All of the entries below need to be repeated exactly.

-------- LISTED ENTRIES

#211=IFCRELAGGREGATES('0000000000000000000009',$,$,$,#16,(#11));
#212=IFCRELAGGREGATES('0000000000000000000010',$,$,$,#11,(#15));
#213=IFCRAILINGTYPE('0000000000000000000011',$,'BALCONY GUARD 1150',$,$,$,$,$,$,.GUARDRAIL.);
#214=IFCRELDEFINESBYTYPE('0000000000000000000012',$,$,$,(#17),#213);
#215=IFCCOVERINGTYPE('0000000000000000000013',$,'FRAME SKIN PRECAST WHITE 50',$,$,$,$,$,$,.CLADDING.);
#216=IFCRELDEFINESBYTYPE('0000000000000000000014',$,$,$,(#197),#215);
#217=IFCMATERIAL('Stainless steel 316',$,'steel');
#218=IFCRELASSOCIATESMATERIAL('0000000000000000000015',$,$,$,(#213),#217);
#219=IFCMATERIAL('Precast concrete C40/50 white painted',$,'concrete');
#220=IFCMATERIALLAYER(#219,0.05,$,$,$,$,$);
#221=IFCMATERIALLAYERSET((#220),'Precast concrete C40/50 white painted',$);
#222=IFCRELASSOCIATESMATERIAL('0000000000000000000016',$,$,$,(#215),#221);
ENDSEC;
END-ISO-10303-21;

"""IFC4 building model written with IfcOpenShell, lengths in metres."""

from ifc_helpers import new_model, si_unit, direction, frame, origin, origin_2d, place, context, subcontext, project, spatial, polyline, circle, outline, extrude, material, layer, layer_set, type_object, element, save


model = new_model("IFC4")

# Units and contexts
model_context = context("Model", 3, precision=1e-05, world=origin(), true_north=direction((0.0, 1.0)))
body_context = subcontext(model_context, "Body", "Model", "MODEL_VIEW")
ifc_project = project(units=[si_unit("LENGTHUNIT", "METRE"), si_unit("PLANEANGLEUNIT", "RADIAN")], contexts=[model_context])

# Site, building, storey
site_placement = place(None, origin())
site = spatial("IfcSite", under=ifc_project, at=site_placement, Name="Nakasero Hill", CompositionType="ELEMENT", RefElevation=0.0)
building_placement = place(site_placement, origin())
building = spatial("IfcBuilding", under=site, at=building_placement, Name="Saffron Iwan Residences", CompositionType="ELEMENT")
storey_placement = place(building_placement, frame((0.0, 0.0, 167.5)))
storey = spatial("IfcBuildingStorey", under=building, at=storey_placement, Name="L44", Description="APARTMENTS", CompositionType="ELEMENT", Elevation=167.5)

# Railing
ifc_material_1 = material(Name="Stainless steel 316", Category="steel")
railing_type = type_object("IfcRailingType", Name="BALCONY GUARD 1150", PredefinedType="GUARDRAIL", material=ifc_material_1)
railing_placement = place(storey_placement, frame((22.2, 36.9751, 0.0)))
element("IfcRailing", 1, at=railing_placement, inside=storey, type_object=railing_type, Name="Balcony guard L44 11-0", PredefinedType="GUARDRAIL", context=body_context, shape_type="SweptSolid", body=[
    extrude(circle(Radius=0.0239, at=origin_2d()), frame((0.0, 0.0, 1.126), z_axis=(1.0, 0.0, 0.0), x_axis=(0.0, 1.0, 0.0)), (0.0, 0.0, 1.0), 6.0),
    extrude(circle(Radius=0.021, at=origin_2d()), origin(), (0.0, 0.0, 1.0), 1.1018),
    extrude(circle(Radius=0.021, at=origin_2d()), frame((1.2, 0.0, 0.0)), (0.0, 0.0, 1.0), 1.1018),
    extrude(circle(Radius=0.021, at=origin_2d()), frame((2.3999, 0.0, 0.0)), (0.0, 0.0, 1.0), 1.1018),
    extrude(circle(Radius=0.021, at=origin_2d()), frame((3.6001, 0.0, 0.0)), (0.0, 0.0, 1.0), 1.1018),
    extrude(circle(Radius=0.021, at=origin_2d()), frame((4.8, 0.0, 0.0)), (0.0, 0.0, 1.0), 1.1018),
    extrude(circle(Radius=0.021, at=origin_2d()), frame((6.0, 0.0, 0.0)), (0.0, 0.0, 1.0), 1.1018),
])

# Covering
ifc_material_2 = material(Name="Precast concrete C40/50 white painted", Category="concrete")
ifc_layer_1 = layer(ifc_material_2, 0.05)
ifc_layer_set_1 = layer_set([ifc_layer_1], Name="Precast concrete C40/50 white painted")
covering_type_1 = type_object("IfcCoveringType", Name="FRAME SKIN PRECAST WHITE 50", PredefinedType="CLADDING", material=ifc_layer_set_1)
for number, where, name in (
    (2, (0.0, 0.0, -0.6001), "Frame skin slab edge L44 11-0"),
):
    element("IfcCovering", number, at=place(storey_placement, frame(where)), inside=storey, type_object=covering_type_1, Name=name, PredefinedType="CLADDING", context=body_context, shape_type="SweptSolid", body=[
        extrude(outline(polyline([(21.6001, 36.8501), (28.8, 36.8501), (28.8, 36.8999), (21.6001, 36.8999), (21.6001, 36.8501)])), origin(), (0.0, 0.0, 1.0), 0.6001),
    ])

----------------

> **OUTPUT BELOW**
#211=IFCRELAGGREGATES('0000000000000000000009',$,$,$,#16,(#11));
#212=IFCRELAGGREGATES('0000000000000000000010',$,$,$,#11,(#15));
#213=IFCRAILINGTYPE('0000000000000000000011',$,'BALCONY GUARD 1150',$,$,$,$,$,$,.GUARDRAIL.);
#214=IFCRELDEFINESBYTYPE('0000000000000000000012',$,$,$,(#17),#213);
#215=IFCCOVERINGTYPE('0000000000000000000013',$,'FRAME SKIN PRECAST WHITE 50',$,$,$,$,$,$,.CLADDING.);
#216=IFCRELDEFINESBYTYPE('0000000000000000000014',$,$,$,(#197),#215);
#217=IFCMATERIAL('Stainless steel 316',$,'steel');
#218=IFCRELASSOCIATESMATERIAL('0000000000000000000015',$,$,$,(#213),#217);
#219=IFCMATERIAL('Precast concrete C40/50 white painted',$,'concrete');
#220=IFCMATERIALLAYER(#219,0.05,$,$,$,$,$);
#221=IFCMATERIALLAYERSET((#220),'Precast concrete C40/50 white painted',$);
#222=IFCRELASSOCIATESMATERIAL('0000000000000000000016',$,$,$,(#215),#221);
ENDSEC;
END-ISO-10303-21;

"""IFC4 building model written with IfcOpenShell, lengths in metres."""

from ifc_helpers import new_model, si_unit, direction, frame, origin, origin_2d, place, context, subcontext, project, spatial, polyline, circle, outline, extrude, material, layer, layer_set, type_object, element, save


model = new_model("IFC4")

# Units and contexts
model_context = context("Model", 3, precision=1e-05, world=origin(), true_north=direction((0.0, 1.0)))
body_context = subcontext(model_context, "Body", "Model", "MODEL_VIEW")
ifc_project = project(units=[si_unit("LENGTHUNIT", "METRE"), si_unit("PLANEANGLEUNIT", "RADIAN")], contexts=[model_context])

# Site, building, storey
site_placement = place(None, origin())
site = spatial("IfcSite", under=ifc_project, at=site_placement, Name="Nakasero Hill", CompositionType="ELEMENT", RefElevation=0.0)
building_placement = place(site_placement, origin())
building = spatial("IfcBuilding", under=site, at=building_placement, Name="Saffron Iwan Residences", CompositionType="ELEMENT")
storey_placement = place(building_placement, frame((0.0, 0.0, 167.5)))
storey = spatial("IfcBuildingStorey", under=building, at=storey_placement, Name="L44", Description="APARTMENTS", CompositionType="ELEMENT", Elevation=167.5)

# Railing
ifc_material_1 = material(Name="Stainless steel 316", Category="steel")
railing_type = type_object("IfcRailingType", Name="BALCONY GUARD 1150", PredefinedType="GUARDRAIL", material=ifc_material_1)
railing_placement = place(storey_placement, frame((22.2, 36.9751, 0.0)))
element("IfcRailing", 1, at=railing_placement, inside=storey, type_object=railing_type, Name="Balcony guard L44 11-0", PredefinedType="GUARDRAIL", context=body_context, shape_type="SweptSolid", body=[
    extrude(circle(Radius=0.0239, at=origin_2d()), frame((0.0, 0.0, 1.126), z_axis=(1.0, 0.0, 0.0), x_axis=(0.0, 1.0, 0.0)), (0.0, 0.0, 1.0), 6.0),
    extrude(circle(Radius=0.021, at=origin_2d()), origin(), (0.0, 0.0, 1.0), 1.1018),
    extrude(circle(Radius=0.021, at=origin_2d()), frame((1.2, 0.0, 0.0)), (0.0, 0.0, 1.0), 1.1018),
    extrude(circle(Radius=0.021, at=origin_2d()), frame((2.3999, 0.0, 0.0)), (0.0, 0.0, 1.0), 1.1018),
    extrude(circle(Radius=0.021, at=origin_2d()), frame((3.6001, 0.0, 0.0)), (0.0, 0.0, 1.0), 1.1018),
    extrude(circle(Radius=0.021, at=origin_2d()), frame((4.8, 0.0, 0.0)), (0.0, 0.0, 1.0), 1.1018),
    extrude(circle(Radius=0.021, at=origin_2d()), frame((6.0, 0.0, 0.0)), (0.0, 0.0, 1.0), 1.1018),
])

# Covering
ifc_material_2 = material(Name="Precast concrete C40/50 white painted", Category="concrete")
ifc_layer_1 = layer(ifc_material_2, 0.05)
ifc_layer_set_1 = layer_set([ifc_layer_1], Name="Precast concrete C40/50 white painted")
covering_type_1 = type_object("IfcCoveringType", Name="FRAME SKIN PRECAST WHITE 50", PredefinedType="CLADDING", material=ifc_layer_set_1)
for number, where, name in (
    (2, (0.0, 0.0, -0.6001), "Frame skin slab edge L44 11-0"),
):
    element("IfcCovering", number, at=place(storey_placement, frame(where)), inside=storey, type_object=covering_type_1, Name=name, PredefinedType="CLADDING", context=body_context, shape_type="SweptSolid", body=[
        extrude(outline(polyline([(21.6001, 36.8501), (28.8, 36.8501), (28.8, 36.8999), (21.6001, 36.8999), (21.6001, 36.8501)])), origin(), (0.0, 0.0, 1.0), 0.6001),
    ])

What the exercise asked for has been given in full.